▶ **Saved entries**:
#####
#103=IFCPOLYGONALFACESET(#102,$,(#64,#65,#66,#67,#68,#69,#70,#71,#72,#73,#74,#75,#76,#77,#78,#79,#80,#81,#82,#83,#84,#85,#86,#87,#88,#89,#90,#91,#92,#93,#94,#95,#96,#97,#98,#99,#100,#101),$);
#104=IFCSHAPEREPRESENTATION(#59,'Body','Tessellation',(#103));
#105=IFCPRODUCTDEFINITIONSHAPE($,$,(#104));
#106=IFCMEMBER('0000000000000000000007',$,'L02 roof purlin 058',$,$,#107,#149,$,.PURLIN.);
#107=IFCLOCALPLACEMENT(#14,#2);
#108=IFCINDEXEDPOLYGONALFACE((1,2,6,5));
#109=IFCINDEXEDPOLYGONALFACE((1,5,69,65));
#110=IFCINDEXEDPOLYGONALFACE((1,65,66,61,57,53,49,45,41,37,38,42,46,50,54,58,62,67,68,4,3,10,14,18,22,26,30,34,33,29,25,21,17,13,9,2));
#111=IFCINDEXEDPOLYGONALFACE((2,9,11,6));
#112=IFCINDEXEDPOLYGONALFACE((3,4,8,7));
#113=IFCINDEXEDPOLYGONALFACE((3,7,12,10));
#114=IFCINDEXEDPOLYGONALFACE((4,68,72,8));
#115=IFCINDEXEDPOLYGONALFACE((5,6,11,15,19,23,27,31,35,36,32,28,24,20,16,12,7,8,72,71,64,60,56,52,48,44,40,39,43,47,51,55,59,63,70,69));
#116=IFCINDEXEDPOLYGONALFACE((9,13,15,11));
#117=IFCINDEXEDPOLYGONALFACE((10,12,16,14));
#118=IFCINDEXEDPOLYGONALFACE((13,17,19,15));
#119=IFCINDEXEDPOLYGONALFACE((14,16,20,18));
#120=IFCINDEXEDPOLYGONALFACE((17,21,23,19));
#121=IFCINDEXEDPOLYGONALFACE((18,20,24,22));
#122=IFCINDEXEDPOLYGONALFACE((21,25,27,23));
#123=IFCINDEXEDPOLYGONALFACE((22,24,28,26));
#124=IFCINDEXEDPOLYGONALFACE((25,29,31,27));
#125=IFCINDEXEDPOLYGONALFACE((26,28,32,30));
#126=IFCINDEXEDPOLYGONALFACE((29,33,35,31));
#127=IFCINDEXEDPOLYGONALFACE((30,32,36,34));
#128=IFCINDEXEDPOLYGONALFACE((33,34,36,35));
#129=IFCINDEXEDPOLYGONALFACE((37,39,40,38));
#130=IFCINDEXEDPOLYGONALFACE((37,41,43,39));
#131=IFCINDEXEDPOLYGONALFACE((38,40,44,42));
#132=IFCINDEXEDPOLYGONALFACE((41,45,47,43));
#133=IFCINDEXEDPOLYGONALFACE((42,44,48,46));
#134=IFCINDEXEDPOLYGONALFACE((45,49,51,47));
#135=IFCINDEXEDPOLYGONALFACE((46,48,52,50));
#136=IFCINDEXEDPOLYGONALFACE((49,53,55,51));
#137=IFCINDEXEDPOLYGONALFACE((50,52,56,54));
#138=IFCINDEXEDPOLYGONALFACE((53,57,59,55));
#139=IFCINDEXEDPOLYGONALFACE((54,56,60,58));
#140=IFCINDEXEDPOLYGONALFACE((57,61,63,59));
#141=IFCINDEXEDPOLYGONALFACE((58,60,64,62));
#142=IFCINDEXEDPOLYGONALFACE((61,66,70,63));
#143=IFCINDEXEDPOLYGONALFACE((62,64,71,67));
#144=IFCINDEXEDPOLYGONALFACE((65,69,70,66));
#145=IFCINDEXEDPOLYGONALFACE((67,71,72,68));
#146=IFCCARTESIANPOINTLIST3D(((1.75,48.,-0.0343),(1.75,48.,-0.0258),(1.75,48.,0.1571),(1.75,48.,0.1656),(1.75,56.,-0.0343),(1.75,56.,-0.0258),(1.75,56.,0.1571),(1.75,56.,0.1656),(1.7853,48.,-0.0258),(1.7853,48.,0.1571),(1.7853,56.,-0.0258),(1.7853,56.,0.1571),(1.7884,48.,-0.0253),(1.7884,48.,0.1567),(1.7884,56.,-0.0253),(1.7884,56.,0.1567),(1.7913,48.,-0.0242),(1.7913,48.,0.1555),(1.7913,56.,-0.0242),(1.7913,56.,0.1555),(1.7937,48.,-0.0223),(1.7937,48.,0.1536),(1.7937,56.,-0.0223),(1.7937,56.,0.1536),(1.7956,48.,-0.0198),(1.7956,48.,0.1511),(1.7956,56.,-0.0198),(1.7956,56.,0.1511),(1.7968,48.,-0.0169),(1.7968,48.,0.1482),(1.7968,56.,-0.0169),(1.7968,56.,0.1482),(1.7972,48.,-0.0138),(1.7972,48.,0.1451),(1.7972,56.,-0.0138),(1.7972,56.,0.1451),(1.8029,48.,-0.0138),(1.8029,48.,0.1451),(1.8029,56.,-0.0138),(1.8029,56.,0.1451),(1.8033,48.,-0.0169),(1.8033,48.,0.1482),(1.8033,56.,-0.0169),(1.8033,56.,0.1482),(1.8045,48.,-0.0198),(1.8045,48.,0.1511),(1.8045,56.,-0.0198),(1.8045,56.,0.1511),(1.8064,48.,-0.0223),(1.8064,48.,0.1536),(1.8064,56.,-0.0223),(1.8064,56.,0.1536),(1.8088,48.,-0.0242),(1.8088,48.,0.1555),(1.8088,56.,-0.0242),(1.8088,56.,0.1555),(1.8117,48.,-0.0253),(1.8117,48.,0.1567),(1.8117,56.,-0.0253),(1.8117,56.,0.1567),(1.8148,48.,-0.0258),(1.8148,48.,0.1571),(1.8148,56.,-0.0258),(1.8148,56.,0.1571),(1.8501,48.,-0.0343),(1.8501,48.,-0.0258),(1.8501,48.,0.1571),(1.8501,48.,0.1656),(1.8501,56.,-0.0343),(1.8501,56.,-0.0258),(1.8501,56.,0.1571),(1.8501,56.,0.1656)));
#####
▶ **INSTRUCTIONS TO FOLLOW**: Repeat the records above in full, character for character.

▶ **OUTPUT OF THE EXERCISE**:
#103=IFCPOLYGONALFACESET(#102,$,(#64,#65,#66,#67,#68,#69,#70,#71,#72,#73,#74,#75,#76,#77,#78,#79,#80,#81,#82,#83,#84,#85,#86,#87,#88,#89,#90,#91,#92,#93,#94,#95,#96,#97,#98,#99,#100,#101),$);
#104=IFCSHAPEREPRESENTATION(#59,'Body','Tessellation',(#103));
#105=IFCPRODUCTDEFINITIONSHAPE($,$,(#104));
#106=IFCMEMBER('0000000000000000000007',$,'L02 roof purlin 058',$,$,#107,#149,$,.PURLIN.);
#107=IFCLOCALPLACEMENT(#14,#2);
#108=IFCINDEXEDPOLYGONALFACE((1,2,6,5));
#109=IFCINDEXEDPOLYGONALFACE((1,5,69,65));
#110=IFCINDEXEDPOLYGONALFACE((1,65,66,61,57,53,49,45,41,37,38,42,46,50,54,58,62,67,68,4,3,10,14,18,22,26,30,34,33,29,25,21,17,13,9,2));
#111=IFCINDEXEDPOLYGONALFACE((2,9,11,6));
#112=IFCINDEXEDPOLYGONALFACE((3,4,8,7));
#113=IFCINDEXEDPOLYGONALFACE((3,7,12,10));
#114=IFCINDEXEDPOLYGONALFACE((4,68,72,8));
#115=IFCINDEXEDPOLYGONALFACE((5,6,11,15,19,23,27,31,35,36,32,28,24,20,16,12,7,8,72,71,64,60,56,52,48,44,40,39,43,47,51,55,59,63,70,69));
#116=IFCINDEXEDPOLYGONALFACE((9,13,15,11));
#117=IFCINDEXEDPOLYGONALFACE((10,12,16,14));
#118=IFCINDEXEDPOLYGONALFACE((13,17,19,15));
#119=IFCINDEXEDPOLYGONALFACE((14,16,20,18));
#120=IFCINDEXEDPOLYGONALFACE((17,21,23,19));
#121=IFCINDEXEDPOLYGONALFACE((18,20,24,22));
#122=IFCINDEXEDPOLYGONALFACE((21,25,27,23));
#123=IFCINDEXEDPOLYGONALFACE((22,24,28,26));
#124=IFCINDEXEDPOLYGONALFACE((25,29,31,27));
#125=IFCINDEXEDPOLYGONALFACE((26,28,32,30));
#126=IFCINDEXEDPOLYGONALFACE((29,33,35,31));
#127=IFCINDEXEDPOLYGONALFACE((30,32,36,34));
#128=IFCINDEXEDPOLYGONALFACE((33,34,36,35));
#129=IFCINDEXEDPOLYGONALFACE((37,39,40,38));
#130=IFCINDEXEDPOLYGONALFACE((37,41,43,39));
#131=IFCINDEXEDPOLYGONALFACE((38,40,44,42));
#132=IFCINDEXEDPOLYGONALFACE((41,45,47,43));
#133=IFCINDEXEDPOLYGONALFACE((42,44,48,46));
#134=IFCINDEXEDPOLYGONALFACE((45,49,51,47));
#135=IFCINDEXEDPOLYGONALFACE((46,48,52,50));
#136=IFCINDEXEDPOLYGONALFACE((49,53,55,51));
#137=IFCINDEXEDPOLYGONALFACE((50,52,56,54));
#138=IFCINDEXEDPOLYGONALFACE((53,57,59,55));
#139=IFCINDEXEDPOLYGONALFACE((54,56,60,58));
#140=IFCINDEXEDPOLYGONALFACE((57,61,63,59));
#141=IFCINDEXEDPOLYGONALFACE((58,60,64,62));
#142=IFCINDEXEDPOLYGONALFACE((61,66,70,63));
#143=IFCINDEXEDPOLYGONALFACE((62,64,71,67));
#144=IFCINDEXEDPOLYGONALFACE((65,69,70,66));
#145=IFCINDEXEDPOLYGONALFACE((67,71,72,68));
#146=IFCCARTESIANPOINTLIST3D(((1.75,48.,-0.0343),(1.75,48.,-0.0258),(1.75,48.,0.1571),(1.75,48.,0.1656),(1.75,56.,-0.0343),(1.75,56.,-0.0258),(1.75,56.,0.1571),(1.75,56.,0.1656),(1.7853,48.,-0.0258),(1.7853,48.,0.1571),(1.7853,56.,-0.0258),(1.7853,56.,0.1571),(1.7884,48.,-0.0253),(1.7884,48.,0.1567),(1.7884,56.,-0.0253),(1.7884,56.,0.1567),(1.7913,48.,-0.0242),(1.7913,48.,0.1555),(1.7913,56.,-0.0242),(1.7913,56.,0.1555),(1.7937,48.,-0.0223),(1.7937,48.,0.1536),(1.7937,56.,-0.0223),(1.7937,56.,0.1536),(1.7956,48.,-0.0198),(1.7956,48.,0.1511),(1.7956,56.,-0.0198),(1.7956,56.,0.1511),(1.7968,48.,-0.0169),(1.7968,48.,0.1482),(1.7968,56.,-0.0169),(1.7968,56.,0.1482),(1.7972,48.,-0.0138),(1.7972,48.,0.1451),(1.7972,56.,-0.0138),(1.7972,56.,0.1451),(1.8029,48.,-0.0138),(1.8029,48.,0.1451),(1.8029,56.,-0.0138),(1.8029,56.,0.1451),(1.8033,48.,-0.0169),(1.8033,48.,0.1482),(1.8033,56.,-0.0169),(1.8033,56.,0.1482),(1.8045,48.,-0.0198),(1.8045,48.,0.1511),(1.8045,56.,-0.0198),(1.8045,56.,0.1511),(1.8064,48.,-0.0223),(1.8064,48.,0.1536),(1.8064,56.,-0.0223),(1.8064,56.,0.1536),(1.8088,48.,-0.0242),(1.8088,48.,0.1555),(1.8088,56.,-0.0242),(1.8088,56.,0.1555),(1.8117,48.,-0.0253),(1.8117,48.,0.1567),(1.8117,56.,-0.0253),(1.8117,56.,0.1567),(1.8148,48.,-0.0258),(1.8148,48.,0.1571),(1.8148,56.,-0.0258),(1.8148,56.,0.1571),(1.8501,48.,-0.0343),(1.8501,48.,-0.0258),(1.8501,48.,0.1571),(1.8501,48.,0.1656),(1.8501,56.,-0.0343),(1.8501,56.,-0.0258),(1.8501,56.,0.1571),(1.8501,56.,0.1656)));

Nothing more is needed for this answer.